# Your objective:
From the data below, copy exactly the lines that lie between the one holding "from ifc_helpers import" and the one holding "# Units and contexts", including both, and nothing more.

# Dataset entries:
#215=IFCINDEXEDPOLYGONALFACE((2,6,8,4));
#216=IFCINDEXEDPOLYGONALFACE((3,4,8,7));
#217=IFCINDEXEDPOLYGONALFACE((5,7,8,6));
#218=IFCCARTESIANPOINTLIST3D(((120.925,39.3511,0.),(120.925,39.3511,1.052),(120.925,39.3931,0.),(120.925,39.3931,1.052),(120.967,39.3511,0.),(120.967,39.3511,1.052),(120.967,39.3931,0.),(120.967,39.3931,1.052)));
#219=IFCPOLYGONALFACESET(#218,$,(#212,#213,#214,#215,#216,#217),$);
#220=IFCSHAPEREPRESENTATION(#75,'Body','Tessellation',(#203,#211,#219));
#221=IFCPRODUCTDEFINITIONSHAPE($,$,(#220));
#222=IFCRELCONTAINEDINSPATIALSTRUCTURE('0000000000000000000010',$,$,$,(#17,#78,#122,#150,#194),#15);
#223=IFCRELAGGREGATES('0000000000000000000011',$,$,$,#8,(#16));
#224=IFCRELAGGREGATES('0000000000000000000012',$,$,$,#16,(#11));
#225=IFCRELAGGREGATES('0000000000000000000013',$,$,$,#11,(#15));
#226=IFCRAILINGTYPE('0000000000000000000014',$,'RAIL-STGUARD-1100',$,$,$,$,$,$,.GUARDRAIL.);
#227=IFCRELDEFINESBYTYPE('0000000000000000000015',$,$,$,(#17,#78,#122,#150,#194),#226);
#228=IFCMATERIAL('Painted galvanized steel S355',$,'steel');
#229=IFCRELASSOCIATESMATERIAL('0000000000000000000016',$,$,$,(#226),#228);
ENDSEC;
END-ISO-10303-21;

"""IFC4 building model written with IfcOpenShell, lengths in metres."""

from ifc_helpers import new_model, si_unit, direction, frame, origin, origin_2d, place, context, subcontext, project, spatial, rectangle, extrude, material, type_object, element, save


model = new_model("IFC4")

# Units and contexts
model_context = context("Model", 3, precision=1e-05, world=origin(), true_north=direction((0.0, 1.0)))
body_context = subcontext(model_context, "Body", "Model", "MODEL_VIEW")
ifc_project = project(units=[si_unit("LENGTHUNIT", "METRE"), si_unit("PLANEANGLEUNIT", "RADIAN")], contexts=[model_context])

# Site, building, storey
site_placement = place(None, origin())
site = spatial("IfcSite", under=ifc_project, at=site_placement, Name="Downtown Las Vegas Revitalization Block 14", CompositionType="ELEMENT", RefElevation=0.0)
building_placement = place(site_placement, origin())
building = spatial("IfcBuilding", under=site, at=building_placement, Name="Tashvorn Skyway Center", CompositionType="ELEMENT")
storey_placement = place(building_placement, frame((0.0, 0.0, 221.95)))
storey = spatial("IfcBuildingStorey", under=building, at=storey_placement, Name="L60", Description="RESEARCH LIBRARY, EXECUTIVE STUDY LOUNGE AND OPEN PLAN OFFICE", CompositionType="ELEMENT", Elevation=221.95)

# Written answer:
from ifc_helpers import new_model, si_unit, direction, frame, origin, origin_2d, place, context, subcontext, project, spatial, rectangle, extrude, material, type_object, element, save


model = new_model("IFC4")

# Units and contexts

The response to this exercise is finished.